Problem to solve:
Among the entries below, extract exactly the lines that run from the one with "#133=IFCINDEXEDPOLYGONALFACE((23,24,28,27));" through the one with "#141=IFCINDEXEDPOLYGONALFACE((39,40,42,41));", both ends included.

[Records from a collection]
┄┄┄┄┄┄┄┄┄┄

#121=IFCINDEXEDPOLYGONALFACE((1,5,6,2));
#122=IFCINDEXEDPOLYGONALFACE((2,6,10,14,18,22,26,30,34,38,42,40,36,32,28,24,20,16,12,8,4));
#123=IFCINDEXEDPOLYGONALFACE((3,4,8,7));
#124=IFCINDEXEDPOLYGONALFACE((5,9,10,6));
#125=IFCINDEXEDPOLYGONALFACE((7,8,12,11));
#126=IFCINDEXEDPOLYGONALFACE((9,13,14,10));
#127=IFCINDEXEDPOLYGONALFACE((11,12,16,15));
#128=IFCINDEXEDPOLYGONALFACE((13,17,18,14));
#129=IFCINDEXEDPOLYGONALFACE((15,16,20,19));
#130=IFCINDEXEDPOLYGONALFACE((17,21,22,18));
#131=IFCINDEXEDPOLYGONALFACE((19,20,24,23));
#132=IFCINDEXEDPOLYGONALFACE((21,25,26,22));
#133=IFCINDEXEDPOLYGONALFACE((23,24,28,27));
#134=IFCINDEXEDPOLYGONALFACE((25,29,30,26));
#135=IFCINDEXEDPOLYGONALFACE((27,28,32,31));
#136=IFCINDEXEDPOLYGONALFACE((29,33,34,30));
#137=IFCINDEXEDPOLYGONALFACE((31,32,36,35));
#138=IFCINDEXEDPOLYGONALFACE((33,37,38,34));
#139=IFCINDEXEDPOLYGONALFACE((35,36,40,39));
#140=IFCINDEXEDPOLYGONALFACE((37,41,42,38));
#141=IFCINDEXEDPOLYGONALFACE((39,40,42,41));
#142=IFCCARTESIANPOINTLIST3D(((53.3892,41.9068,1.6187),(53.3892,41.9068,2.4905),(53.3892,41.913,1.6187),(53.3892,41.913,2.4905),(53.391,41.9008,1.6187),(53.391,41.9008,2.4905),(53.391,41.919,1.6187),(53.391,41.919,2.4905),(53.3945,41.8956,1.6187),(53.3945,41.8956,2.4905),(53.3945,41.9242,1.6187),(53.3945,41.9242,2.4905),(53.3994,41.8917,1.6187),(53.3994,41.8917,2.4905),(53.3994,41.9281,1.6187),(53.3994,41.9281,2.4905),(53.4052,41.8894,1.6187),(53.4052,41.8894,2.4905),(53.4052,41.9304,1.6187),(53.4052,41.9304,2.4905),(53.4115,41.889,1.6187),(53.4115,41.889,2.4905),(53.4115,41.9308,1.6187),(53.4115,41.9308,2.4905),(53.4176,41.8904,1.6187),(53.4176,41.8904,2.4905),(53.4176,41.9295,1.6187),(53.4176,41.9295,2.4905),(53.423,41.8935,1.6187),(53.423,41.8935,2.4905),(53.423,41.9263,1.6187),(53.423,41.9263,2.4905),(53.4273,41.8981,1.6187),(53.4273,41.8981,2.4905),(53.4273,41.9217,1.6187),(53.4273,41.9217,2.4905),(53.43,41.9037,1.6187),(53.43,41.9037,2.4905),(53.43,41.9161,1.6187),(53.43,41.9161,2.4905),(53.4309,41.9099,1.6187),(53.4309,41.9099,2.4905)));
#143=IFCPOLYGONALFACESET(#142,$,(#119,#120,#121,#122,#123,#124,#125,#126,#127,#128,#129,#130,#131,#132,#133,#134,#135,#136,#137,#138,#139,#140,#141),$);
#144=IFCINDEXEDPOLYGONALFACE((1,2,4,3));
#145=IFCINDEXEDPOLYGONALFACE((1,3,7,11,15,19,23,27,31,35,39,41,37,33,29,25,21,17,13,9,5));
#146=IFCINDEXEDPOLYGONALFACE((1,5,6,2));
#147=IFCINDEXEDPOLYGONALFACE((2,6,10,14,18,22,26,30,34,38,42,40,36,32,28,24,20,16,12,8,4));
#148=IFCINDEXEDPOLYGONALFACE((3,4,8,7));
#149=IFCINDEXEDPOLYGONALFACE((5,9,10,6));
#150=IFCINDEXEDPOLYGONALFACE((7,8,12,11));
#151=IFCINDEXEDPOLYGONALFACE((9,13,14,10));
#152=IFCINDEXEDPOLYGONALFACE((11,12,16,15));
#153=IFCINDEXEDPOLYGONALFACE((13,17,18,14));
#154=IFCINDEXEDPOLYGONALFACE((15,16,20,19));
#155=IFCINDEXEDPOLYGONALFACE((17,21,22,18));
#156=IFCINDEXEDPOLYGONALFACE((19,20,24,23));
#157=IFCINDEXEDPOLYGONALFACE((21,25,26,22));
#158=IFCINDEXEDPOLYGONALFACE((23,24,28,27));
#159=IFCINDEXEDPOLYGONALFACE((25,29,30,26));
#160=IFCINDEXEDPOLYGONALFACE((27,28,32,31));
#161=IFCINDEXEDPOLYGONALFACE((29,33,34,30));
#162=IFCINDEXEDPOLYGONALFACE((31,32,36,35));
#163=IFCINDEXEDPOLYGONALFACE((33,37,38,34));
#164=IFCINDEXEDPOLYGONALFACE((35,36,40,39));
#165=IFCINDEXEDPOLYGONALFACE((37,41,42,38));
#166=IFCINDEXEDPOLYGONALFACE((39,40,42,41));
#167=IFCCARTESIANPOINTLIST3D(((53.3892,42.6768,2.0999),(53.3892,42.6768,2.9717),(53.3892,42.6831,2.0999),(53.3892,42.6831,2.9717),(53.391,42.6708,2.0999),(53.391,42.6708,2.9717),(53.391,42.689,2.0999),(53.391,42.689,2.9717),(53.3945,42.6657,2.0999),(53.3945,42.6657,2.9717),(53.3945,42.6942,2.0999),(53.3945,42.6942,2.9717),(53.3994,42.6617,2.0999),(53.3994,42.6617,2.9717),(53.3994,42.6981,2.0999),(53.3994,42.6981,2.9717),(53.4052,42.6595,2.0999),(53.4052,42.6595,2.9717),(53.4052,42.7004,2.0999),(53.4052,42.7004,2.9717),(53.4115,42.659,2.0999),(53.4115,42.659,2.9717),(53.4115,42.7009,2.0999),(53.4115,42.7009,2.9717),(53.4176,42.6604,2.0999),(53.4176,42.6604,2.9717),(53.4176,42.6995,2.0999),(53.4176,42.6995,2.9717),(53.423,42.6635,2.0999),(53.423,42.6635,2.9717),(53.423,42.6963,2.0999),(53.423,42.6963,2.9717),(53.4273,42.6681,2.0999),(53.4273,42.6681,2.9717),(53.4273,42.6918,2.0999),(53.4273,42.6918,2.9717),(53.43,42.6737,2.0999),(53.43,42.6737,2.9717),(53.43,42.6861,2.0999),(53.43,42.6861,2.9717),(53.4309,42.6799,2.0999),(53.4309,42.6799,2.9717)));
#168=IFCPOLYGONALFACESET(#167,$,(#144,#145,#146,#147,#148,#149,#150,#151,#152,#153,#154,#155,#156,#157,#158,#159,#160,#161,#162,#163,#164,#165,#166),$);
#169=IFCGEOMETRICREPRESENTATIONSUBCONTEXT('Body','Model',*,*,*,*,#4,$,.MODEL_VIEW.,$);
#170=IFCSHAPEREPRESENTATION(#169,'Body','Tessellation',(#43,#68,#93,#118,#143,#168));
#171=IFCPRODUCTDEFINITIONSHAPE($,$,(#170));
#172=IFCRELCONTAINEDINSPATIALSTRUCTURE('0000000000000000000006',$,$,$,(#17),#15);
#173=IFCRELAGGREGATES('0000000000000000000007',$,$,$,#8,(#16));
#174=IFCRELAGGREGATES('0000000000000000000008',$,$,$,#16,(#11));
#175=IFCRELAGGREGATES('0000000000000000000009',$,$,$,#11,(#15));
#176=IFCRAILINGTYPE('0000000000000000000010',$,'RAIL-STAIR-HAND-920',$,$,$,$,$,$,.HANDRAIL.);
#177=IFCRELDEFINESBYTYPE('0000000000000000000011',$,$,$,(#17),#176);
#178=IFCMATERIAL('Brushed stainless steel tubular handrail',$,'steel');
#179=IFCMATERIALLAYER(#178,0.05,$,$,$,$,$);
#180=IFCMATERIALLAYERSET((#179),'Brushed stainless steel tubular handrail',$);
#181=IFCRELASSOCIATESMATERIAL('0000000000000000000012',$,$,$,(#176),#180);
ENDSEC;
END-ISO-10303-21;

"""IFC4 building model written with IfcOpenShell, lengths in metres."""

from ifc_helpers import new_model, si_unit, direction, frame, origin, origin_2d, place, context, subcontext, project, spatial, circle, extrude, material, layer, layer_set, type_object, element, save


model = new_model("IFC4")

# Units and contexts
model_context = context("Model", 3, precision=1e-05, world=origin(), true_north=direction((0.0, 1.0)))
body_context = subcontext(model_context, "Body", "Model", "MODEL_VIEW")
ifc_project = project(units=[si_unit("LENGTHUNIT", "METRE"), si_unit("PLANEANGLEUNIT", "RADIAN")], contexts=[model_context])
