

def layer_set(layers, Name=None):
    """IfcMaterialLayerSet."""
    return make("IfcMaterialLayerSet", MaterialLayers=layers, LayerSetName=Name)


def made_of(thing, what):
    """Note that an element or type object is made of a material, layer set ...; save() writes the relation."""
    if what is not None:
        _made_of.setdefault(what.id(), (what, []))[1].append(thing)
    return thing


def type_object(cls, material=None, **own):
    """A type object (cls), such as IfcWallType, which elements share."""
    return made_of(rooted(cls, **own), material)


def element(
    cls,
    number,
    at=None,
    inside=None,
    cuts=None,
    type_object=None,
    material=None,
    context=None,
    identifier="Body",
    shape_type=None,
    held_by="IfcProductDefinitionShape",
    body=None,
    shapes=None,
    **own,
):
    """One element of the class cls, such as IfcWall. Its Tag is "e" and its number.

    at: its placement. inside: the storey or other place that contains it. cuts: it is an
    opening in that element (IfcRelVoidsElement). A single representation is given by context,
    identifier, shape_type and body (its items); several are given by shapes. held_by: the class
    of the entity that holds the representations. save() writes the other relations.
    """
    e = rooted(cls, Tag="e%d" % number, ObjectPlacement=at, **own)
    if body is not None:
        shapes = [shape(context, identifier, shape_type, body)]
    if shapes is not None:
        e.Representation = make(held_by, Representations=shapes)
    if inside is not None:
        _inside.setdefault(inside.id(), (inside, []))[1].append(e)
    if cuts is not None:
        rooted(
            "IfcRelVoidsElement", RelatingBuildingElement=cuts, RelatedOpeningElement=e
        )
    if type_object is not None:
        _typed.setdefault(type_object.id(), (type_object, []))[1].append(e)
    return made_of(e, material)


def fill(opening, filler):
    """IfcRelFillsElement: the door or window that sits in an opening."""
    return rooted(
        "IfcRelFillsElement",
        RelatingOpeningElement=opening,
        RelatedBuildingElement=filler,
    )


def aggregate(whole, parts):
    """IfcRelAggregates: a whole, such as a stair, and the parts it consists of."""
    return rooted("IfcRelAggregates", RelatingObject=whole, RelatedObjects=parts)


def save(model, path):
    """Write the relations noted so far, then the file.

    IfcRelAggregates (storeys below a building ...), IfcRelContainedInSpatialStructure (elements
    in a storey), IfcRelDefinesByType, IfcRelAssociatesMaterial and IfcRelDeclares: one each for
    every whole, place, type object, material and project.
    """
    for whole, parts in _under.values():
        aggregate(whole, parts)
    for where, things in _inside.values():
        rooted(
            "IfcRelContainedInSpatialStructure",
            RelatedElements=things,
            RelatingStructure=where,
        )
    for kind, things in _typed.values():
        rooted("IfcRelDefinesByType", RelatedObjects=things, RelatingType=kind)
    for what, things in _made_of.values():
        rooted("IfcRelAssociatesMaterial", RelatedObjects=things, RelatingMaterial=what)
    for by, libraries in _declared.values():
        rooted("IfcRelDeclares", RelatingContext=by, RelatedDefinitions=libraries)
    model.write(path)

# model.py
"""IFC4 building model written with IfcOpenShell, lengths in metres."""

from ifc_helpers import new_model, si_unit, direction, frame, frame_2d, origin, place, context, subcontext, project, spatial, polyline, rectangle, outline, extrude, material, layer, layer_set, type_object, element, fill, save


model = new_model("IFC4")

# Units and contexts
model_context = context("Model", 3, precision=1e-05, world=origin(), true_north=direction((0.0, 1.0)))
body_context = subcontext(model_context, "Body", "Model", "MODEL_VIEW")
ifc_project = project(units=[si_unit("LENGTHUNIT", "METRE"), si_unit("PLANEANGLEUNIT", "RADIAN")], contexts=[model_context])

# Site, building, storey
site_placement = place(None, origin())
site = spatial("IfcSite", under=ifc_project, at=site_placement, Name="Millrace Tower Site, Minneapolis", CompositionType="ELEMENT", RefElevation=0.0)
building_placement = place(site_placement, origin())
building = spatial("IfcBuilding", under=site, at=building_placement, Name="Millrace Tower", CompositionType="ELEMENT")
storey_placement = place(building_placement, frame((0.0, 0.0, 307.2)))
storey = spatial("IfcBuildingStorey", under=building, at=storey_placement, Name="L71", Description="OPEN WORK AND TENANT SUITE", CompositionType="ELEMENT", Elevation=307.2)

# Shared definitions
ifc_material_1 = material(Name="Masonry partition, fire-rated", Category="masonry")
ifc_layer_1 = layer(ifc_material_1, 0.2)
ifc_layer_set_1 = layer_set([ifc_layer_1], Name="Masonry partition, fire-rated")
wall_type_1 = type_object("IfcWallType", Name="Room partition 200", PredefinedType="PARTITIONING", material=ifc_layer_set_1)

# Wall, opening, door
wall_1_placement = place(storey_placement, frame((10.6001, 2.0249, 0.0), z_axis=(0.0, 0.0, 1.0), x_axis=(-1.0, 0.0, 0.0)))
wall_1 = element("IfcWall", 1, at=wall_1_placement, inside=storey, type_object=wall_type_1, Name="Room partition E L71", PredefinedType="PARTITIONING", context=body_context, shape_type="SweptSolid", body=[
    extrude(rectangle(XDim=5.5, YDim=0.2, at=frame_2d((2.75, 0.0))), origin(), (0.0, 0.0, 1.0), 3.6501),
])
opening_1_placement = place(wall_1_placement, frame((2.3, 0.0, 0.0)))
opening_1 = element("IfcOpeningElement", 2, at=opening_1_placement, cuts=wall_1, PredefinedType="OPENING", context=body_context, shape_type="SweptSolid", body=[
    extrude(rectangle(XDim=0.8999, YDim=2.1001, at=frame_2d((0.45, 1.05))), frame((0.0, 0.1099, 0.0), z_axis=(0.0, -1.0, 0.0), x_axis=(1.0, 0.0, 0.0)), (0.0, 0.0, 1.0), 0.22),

┄┄┄┄┄┄┄┄┄┄

Response box:
#133=IFCINDEXEDPOLYGONALFACE((23,24,28,27));
#134=IFCINDEXEDPOLYGONALFACE((25,29,30,26));
#135=IFCINDEXEDPOLYGONALFACE((27,28,32,31));
#136=IFCINDEXEDPOLYGONALFACE((29,33,34,30));
#137=IFCINDEXEDPOLYGONALFACE((31,32,36,35));
#138=IFCINDEXEDPOLYGONALFACE((33,37,38,34));
#139=IFCINDEXEDPOLYGONALFACE((35,36,40,39));
#140=IFCINDEXEDPOLYGONALFACE((37,41,42,38));
#141=IFCINDEXEDPOLYGONALFACE((39,40,42,41));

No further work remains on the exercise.